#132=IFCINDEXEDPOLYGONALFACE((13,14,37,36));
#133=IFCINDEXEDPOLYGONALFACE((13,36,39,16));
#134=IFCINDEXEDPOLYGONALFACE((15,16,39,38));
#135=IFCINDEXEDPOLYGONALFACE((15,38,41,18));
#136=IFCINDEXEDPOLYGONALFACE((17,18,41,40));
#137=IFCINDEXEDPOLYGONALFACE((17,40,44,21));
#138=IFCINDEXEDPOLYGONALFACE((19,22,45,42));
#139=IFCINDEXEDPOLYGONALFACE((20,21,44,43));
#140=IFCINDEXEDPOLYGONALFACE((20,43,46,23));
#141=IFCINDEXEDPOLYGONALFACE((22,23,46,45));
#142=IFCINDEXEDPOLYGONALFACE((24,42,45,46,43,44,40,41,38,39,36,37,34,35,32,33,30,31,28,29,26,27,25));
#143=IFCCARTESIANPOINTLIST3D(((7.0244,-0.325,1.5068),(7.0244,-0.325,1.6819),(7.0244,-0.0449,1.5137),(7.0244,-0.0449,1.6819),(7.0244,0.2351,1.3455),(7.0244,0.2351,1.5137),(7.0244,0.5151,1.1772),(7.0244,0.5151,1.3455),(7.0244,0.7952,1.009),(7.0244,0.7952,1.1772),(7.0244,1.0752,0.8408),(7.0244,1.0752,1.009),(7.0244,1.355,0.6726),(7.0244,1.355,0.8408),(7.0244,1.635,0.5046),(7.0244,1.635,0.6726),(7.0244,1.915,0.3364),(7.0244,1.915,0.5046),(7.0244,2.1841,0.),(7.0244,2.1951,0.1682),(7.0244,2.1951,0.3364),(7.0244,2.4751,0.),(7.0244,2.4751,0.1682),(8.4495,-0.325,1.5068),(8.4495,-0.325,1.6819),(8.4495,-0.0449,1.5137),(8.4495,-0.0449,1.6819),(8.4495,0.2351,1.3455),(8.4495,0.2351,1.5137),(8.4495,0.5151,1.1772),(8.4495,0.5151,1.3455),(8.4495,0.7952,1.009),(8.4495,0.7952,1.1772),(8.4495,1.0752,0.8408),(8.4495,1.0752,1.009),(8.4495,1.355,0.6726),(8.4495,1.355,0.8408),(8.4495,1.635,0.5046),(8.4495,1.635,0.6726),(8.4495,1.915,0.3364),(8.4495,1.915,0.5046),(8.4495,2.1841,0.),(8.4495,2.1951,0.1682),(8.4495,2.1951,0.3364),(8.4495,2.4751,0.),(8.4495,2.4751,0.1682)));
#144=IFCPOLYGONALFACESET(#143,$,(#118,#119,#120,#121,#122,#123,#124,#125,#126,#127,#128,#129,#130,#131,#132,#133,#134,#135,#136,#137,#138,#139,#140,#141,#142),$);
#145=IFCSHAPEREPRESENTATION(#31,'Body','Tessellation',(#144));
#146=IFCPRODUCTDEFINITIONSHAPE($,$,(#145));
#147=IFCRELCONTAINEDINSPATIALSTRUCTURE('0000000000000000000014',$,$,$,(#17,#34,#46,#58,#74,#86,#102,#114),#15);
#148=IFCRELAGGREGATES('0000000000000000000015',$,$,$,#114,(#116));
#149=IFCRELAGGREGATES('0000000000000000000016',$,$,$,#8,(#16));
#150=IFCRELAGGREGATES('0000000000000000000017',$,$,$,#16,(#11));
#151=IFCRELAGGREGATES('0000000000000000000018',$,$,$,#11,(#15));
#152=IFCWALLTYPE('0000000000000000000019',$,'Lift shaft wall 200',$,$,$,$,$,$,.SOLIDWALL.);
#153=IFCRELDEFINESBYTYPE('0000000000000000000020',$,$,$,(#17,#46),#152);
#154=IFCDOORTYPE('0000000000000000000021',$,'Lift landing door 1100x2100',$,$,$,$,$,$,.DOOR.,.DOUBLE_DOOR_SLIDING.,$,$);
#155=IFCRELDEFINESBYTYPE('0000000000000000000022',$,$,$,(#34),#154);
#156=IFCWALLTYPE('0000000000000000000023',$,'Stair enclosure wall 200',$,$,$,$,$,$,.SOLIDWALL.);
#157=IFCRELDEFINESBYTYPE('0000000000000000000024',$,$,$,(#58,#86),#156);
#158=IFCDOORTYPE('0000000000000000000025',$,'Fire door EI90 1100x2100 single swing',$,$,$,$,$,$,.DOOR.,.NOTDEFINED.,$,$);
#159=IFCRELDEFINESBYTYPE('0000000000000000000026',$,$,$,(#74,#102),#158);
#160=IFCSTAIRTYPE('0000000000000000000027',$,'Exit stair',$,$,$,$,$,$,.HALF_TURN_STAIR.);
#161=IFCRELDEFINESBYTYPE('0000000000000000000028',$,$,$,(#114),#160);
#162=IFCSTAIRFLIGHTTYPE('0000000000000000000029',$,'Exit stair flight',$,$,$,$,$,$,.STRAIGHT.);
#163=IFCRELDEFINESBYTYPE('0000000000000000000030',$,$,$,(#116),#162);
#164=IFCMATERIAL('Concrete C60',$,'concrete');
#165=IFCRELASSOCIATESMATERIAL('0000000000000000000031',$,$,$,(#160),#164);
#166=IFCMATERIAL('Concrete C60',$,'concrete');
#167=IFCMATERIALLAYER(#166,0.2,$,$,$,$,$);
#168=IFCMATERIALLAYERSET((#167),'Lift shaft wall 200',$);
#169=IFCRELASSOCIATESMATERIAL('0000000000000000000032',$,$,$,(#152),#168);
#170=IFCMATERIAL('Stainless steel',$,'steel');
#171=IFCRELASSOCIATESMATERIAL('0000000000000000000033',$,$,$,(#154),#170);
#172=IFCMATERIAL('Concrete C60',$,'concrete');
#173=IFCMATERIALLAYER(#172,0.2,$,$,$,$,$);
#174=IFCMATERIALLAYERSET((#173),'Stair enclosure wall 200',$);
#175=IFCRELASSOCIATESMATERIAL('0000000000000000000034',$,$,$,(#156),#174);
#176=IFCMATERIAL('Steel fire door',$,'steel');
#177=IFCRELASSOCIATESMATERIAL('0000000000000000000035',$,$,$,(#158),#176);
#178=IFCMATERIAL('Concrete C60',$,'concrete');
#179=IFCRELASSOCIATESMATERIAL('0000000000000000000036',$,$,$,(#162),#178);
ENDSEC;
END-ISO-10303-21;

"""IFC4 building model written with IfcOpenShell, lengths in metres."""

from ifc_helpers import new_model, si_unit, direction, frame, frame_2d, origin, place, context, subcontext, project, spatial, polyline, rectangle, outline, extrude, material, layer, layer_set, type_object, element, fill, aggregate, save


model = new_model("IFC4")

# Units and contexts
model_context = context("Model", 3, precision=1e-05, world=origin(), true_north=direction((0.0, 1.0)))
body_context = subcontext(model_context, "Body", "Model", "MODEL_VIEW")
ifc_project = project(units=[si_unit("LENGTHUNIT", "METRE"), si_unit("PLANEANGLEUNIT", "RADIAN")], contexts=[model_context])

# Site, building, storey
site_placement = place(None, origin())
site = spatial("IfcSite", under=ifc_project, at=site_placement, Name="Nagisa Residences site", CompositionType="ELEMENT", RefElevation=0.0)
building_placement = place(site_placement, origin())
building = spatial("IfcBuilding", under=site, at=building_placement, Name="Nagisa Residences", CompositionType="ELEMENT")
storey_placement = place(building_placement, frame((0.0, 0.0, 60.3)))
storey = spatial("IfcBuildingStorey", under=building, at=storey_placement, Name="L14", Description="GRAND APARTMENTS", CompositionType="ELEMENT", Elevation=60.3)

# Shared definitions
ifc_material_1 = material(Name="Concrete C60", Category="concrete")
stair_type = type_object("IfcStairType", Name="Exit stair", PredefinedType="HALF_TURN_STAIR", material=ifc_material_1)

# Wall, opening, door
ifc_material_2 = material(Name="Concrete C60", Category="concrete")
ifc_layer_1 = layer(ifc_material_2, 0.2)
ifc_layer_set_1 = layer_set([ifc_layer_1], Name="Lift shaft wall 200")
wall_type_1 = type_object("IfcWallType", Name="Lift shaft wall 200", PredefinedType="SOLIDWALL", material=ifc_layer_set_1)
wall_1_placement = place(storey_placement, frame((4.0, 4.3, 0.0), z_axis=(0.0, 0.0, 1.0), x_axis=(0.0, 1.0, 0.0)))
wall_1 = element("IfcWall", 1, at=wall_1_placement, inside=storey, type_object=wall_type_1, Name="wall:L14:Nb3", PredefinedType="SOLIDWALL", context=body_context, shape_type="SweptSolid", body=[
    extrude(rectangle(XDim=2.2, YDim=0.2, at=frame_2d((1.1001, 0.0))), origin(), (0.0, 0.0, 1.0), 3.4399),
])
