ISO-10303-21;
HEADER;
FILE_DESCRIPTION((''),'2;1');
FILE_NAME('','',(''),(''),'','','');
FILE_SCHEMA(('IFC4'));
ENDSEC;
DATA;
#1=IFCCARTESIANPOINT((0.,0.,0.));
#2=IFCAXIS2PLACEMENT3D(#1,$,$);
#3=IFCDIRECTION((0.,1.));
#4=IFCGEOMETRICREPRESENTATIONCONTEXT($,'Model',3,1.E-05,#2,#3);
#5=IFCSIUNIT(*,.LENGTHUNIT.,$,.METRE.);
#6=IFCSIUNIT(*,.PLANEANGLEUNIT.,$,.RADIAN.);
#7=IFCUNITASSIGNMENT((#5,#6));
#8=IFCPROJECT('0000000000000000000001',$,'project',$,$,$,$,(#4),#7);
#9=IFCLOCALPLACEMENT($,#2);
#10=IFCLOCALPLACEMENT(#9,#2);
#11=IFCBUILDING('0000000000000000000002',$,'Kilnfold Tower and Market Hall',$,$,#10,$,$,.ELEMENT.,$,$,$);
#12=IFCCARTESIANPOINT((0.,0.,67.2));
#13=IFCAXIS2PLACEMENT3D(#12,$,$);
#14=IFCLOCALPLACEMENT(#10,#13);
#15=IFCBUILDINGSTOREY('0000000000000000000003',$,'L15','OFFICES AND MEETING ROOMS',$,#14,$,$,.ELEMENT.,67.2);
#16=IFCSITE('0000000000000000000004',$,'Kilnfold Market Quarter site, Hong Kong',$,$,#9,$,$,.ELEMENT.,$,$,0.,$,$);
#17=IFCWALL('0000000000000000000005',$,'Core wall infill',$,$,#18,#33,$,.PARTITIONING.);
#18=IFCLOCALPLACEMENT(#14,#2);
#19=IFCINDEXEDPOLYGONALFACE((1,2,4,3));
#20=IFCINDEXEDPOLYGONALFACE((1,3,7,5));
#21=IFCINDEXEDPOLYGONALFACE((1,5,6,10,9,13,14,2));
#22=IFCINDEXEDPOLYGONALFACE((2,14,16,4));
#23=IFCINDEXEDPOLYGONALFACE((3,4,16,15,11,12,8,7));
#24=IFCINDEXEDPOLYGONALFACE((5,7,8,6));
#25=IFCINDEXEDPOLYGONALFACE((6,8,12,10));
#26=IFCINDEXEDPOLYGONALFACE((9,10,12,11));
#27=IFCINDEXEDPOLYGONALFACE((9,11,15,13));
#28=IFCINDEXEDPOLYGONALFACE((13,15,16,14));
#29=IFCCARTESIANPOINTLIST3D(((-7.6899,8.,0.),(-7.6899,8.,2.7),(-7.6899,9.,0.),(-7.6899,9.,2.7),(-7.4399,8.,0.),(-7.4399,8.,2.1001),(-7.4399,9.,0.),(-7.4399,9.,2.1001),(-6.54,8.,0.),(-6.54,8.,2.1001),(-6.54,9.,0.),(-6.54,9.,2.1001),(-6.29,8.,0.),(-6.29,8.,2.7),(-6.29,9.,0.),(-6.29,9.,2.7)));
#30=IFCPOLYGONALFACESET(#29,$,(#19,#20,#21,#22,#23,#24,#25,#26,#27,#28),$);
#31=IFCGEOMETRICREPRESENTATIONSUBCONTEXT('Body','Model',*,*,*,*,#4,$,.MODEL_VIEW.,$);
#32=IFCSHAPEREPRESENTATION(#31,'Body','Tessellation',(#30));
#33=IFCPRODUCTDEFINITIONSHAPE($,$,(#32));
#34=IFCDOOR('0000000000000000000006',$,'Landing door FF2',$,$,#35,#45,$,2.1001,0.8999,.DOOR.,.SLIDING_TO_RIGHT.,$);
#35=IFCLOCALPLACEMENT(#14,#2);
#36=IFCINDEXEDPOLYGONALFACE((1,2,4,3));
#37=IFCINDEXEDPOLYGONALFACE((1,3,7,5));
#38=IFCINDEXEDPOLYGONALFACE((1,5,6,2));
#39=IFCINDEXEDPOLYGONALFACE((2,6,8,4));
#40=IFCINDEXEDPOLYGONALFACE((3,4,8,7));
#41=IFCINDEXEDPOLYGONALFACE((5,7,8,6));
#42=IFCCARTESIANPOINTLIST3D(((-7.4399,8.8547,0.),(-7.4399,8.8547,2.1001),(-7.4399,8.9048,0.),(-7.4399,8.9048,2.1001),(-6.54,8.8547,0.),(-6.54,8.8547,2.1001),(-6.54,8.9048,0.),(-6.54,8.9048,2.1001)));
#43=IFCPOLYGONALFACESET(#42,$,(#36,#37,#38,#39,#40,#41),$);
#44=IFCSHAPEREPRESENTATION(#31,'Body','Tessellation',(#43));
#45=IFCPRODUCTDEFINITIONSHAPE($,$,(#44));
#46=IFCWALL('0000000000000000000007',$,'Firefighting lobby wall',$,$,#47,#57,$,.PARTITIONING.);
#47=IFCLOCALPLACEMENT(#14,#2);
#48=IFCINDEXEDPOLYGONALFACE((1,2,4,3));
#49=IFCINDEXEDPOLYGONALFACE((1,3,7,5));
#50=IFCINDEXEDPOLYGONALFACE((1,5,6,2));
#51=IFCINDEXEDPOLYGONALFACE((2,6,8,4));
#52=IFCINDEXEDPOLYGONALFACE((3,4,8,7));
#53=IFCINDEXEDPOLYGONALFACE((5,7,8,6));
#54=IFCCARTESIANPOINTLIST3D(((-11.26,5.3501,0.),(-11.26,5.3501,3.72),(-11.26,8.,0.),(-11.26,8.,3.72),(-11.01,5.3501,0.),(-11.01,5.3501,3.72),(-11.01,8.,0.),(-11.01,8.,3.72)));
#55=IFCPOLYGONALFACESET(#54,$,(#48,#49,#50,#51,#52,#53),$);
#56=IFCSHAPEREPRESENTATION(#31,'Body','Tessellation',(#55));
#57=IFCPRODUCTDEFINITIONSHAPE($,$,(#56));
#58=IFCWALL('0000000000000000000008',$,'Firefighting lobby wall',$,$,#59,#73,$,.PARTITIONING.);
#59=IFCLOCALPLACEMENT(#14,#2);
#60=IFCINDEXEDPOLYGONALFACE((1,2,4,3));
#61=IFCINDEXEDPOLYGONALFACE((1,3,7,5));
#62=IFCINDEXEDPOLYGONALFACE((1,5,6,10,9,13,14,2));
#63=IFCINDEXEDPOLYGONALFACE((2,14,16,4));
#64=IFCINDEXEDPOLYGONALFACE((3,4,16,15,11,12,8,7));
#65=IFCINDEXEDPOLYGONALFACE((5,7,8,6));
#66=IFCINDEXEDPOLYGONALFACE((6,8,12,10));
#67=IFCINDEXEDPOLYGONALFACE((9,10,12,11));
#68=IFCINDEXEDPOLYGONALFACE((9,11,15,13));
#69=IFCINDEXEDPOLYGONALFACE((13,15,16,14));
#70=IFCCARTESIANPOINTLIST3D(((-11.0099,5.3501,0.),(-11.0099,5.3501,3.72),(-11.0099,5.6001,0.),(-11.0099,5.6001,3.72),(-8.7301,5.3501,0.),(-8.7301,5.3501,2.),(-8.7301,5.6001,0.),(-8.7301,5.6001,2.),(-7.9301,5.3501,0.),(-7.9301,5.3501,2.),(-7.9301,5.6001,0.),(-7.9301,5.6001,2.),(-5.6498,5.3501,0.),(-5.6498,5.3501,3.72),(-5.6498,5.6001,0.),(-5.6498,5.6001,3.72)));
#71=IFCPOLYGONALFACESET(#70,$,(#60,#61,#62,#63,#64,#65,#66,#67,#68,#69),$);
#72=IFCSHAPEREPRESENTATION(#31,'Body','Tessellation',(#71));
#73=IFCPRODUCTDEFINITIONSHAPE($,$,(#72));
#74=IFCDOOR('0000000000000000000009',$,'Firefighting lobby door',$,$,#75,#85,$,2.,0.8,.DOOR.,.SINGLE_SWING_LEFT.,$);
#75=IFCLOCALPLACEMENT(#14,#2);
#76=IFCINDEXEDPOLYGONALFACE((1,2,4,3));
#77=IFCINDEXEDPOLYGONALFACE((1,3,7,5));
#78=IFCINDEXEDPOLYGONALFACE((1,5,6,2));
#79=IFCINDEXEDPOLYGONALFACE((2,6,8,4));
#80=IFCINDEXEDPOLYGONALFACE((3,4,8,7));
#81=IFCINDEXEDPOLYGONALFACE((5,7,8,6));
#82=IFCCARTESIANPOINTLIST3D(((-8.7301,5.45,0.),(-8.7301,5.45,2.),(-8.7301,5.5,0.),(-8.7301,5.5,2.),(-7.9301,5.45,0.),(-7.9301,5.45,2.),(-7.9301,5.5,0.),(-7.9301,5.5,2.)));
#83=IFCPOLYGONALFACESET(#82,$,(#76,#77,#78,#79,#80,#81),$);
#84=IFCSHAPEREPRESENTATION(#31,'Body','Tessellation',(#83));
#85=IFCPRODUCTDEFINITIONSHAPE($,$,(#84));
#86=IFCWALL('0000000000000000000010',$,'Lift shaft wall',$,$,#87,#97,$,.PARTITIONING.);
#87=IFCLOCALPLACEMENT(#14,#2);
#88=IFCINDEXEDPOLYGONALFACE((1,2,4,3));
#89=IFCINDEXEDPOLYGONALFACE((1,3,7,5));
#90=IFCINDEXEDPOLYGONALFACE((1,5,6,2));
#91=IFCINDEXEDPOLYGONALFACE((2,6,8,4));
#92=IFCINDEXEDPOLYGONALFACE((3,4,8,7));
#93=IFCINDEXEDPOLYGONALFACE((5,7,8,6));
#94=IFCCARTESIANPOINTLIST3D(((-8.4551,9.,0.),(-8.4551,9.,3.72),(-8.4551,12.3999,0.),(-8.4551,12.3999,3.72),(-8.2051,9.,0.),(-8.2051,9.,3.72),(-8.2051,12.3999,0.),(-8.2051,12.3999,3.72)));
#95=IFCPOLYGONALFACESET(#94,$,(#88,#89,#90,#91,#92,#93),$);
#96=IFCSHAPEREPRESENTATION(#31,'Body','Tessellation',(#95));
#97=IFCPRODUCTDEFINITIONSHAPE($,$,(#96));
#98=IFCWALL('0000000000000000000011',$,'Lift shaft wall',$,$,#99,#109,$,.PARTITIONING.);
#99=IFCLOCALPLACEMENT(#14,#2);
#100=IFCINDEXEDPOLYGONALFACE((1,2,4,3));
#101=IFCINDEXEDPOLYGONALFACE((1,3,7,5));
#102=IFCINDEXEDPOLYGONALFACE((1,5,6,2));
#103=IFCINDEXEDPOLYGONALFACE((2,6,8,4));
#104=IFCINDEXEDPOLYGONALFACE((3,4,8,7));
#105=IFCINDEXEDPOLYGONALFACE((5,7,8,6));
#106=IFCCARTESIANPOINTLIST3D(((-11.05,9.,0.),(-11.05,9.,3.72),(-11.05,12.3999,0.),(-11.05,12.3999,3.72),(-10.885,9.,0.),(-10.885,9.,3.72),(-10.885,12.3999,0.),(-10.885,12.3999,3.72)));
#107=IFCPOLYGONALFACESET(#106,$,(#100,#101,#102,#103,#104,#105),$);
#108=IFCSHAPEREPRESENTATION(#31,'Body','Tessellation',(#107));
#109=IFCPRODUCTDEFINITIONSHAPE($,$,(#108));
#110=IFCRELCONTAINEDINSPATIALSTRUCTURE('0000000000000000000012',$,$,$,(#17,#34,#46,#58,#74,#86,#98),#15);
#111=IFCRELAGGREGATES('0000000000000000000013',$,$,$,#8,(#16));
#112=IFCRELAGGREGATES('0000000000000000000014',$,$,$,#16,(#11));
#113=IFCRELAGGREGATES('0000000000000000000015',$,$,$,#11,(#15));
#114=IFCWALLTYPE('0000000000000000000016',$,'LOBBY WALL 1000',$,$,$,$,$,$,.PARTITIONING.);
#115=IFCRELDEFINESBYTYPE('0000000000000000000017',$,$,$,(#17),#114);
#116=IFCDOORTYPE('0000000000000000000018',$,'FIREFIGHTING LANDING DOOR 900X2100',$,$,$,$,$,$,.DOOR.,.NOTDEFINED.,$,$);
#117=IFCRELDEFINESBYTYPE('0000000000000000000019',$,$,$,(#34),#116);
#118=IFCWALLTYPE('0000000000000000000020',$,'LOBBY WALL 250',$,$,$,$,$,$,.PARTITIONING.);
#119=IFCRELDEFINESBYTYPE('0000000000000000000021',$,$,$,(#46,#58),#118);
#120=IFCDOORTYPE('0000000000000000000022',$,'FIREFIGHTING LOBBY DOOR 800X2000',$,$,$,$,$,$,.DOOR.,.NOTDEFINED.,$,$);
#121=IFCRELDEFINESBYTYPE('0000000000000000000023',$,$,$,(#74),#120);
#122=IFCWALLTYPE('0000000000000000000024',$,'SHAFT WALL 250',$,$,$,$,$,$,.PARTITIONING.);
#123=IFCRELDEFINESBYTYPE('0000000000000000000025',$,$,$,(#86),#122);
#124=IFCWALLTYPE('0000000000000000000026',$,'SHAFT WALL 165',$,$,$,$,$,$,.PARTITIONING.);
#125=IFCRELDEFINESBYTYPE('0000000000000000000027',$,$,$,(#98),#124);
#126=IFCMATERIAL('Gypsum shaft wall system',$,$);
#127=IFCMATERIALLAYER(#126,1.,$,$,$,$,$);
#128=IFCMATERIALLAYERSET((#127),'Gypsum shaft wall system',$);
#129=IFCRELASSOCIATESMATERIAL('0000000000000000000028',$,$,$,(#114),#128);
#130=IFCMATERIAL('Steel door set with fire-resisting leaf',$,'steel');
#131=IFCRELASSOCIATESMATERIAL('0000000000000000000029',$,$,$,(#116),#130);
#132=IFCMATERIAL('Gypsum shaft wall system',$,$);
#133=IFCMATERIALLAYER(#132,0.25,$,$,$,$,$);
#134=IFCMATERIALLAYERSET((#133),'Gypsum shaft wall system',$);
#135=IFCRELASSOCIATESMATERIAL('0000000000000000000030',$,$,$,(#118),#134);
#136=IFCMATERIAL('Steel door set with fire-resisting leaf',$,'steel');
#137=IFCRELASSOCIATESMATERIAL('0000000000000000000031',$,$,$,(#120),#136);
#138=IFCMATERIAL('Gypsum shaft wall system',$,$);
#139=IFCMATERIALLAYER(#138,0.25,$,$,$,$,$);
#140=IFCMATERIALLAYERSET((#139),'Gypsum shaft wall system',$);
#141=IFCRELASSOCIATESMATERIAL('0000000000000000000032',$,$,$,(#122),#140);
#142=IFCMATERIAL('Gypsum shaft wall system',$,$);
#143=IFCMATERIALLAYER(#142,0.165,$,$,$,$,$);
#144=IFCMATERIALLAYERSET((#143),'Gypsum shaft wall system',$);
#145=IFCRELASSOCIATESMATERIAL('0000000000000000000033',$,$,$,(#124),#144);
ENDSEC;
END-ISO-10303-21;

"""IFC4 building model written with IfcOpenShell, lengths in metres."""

from ifc_helpers import new_model, si_unit, direction, frame, frame_2d, origin, place, context, subcontext, project, spatial, rectangle, extrude, source, transform, mapped, material, layer, layer_set, type_object, element, fill, save


model = new_model("IFC4")

# Units and contexts
model_context = context("Model", 3, precision=1e-05, world=origin(), true_north=direction((0.0, 1.0)))
body_context = subcontext(model_context, "Body", "Model", "MODEL_VIEW")
ifc_project = project(units=[si_unit("LENGTHUNIT", "METRE"), si_unit("PLANEANGLEUNIT", "RADIAN")], contexts=[model_context])

# Site, building, storey
site_placement = place(None, origin())
site = spatial("IfcSite", under=ifc_project, at=site_placement, Name="Kilnfold Market Quarter site, Hong Kong", CompositionType="ELEMENT", RefElevation=0.0)
building_placement = place(site_placement, origin())
building = spatial("IfcBuilding", under=site, at=building_placement, Name="Kilnfold Tower and Market Hall", CompositionType="ELEMENT")
storey_placement = place(building_placement, frame((0.0, 0.0, 67.2)))
storey = spatial("IfcBuildingStorey", under=building, at=storey_placement, Name="L15", Description="OFFICES AND MEETING ROOMS", CompositionType="ELEMENT", Elevation=67.2)

# Wall, opening, door
ifc_material_1 = material(Name="Gypsum shaft wall system")
ifc_layer_1 = layer(ifc_material_1, 1.0)
ifc_layer_set_1 = layer_set([ifc_layer_1], Name="Gypsum shaft wall system")
wall_type_1 = type_object("IfcWallType", Name="LOBBY WALL 1000", PredefinedType="PARTITIONING", material=ifc_layer_set_1)
ifc_material_2 = material(Name="Steel door set with fire-resisting leaf", Category="steel")
door_type_1 = type_object("IfcDoorType", Name="FIREFIGHTING LANDING DOOR 900X2100", OperationType="NOTDEFINED", PredefinedType="DOOR", material=ifc_material_2)
shared_shape_1 = source(origin(), body_context, "Body", "SweptSolid", [
    extrude(rectangle(XDim=1.3999, YDim=1.0, at=frame_2d((0.7, 0.0))), origin(), (0.0, 0.0, 1.0), 2.7),
])
wall_1_placement = place(storey_placement, frame((-7.6899, 8.5, 0.0), z_axis=(0.0, 0.0, 1.0), x_axis=(1.0, 0.0, 0.0)))
wall_1 = element("IfcWall", 1, at=wall_1_placement, inside=storey, type_object=wall_type_1, Name="Core wall infill", PredefinedType="PARTITIONING", context=body_context, shape_type="MappedRepresentation", body=[
    mapped(shared_shape_1, transform((0.0, 0.0, 0.0))),
])
opening_1_placement = place(wall_1_placement, frame((0.25, 0.0, 0.0)))
opening_1 = element("IfcOpeningElement", 2, at=opening_1_placement, cuts=wall_1, PredefinedType="OPENING", context=body_context, shape_type="SweptSolid", body=[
#####
What the exercise asks ->
What is wanted is every line from the first line of the entries through the line that contains "#136=IFCINDEXEDPOLYGONALFACE((17,18,41,40));", given again exactly.

Solution ->
#132=IFCINDEXEDPOLYGONALFACE((13,14,37,36));
#133=IFCINDEXEDPOLYGONALFACE((13,36,39,16));
#134=IFCINDEXEDPOLYGONALFACE((15,16,39,38));
#135=IFCINDEXEDPOLYGONALFACE((15,38,41,18));
#136=IFCINDEXEDPOLYGONALFACE((17,18,41,40));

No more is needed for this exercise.